DATA EXTRACT section start
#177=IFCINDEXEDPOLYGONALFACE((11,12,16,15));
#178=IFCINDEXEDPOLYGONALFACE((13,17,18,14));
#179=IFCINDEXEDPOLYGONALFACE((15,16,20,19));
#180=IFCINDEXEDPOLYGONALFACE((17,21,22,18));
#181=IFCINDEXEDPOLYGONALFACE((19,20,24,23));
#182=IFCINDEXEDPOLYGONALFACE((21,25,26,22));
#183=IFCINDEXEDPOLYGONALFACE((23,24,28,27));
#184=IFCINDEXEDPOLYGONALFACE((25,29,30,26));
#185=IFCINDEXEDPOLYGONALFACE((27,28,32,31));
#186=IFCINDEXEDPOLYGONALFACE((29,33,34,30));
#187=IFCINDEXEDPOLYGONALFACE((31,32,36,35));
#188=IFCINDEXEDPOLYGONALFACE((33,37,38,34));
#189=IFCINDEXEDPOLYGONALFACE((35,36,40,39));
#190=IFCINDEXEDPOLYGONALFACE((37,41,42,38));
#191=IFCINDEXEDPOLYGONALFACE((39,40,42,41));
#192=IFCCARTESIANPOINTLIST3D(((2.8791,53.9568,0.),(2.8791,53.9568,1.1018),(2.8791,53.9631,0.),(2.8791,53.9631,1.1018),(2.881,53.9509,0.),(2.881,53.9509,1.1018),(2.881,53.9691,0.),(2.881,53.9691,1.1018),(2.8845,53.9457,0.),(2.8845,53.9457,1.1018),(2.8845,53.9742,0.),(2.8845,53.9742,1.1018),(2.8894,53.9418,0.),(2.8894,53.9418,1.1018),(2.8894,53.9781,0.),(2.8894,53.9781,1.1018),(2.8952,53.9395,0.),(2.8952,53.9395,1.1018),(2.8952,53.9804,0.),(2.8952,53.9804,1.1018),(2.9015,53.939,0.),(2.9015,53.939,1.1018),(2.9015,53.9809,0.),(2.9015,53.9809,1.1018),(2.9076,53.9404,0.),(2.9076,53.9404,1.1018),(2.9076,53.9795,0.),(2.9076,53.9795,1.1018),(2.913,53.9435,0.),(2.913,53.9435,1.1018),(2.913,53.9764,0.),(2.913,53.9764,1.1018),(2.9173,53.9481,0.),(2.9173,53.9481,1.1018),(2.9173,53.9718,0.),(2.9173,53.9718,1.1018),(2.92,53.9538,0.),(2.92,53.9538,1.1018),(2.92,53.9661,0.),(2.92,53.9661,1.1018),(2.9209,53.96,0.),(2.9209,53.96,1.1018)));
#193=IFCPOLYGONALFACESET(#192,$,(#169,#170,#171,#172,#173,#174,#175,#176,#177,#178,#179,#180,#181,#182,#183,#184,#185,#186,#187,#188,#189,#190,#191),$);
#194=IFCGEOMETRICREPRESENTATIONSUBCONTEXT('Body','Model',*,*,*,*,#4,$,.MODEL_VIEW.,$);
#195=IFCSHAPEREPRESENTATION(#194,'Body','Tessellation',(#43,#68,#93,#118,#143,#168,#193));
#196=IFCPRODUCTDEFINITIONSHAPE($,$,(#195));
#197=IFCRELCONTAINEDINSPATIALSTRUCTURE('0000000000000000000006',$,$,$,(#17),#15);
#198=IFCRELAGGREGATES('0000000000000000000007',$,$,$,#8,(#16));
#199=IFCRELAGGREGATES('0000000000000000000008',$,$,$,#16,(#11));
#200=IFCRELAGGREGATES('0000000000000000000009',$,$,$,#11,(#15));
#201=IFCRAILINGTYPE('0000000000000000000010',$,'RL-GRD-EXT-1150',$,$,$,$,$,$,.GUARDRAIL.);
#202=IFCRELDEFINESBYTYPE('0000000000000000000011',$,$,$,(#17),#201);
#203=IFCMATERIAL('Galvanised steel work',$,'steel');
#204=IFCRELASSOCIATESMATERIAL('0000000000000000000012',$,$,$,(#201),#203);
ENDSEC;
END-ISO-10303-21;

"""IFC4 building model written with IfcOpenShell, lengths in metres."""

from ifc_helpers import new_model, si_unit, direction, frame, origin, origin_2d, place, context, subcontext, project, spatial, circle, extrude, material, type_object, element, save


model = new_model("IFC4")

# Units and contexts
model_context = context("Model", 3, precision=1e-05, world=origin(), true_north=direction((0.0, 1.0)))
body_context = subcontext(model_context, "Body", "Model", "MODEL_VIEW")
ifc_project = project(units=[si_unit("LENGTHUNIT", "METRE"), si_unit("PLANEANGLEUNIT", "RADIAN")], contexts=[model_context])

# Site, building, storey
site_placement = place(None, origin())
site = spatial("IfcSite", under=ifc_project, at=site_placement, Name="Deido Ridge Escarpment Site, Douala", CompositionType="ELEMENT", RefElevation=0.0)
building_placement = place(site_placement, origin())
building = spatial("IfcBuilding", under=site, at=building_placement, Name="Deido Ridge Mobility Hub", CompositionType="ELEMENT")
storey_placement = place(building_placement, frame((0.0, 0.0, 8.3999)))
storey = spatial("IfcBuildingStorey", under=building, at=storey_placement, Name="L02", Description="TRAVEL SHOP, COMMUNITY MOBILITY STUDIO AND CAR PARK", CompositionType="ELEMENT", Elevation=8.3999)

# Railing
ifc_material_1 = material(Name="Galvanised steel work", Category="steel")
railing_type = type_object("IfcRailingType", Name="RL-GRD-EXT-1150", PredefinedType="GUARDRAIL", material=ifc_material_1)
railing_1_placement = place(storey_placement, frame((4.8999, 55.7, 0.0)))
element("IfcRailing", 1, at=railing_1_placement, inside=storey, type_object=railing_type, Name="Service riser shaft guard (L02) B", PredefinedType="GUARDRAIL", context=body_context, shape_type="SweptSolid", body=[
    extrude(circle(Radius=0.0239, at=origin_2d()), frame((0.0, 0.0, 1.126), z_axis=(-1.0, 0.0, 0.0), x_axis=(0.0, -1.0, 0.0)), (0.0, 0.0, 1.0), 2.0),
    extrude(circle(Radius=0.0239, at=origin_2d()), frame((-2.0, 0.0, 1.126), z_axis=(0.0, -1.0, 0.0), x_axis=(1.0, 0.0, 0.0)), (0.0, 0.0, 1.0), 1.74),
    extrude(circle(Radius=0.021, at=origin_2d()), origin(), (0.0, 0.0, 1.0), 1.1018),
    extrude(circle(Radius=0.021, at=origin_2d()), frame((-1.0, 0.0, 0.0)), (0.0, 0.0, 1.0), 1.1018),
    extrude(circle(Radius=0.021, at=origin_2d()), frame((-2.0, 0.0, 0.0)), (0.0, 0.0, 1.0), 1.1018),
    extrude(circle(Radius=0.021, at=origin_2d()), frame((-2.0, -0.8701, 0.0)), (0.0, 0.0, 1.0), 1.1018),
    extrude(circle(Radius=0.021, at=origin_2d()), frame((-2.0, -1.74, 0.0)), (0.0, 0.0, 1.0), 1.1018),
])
DATA EXTRACT section end
EXERCISE INSTRUCTIONS
Using the entries above, return each line in which the word "contexts" occurs.

ANSWER BELOW
# Units and contexts
ifc_project = project(units=[si_unit("LENGTHUNIT", "METRE"), si_unit("PLANEANGLEUNIT", "RADIAN")], contexts=[model_context])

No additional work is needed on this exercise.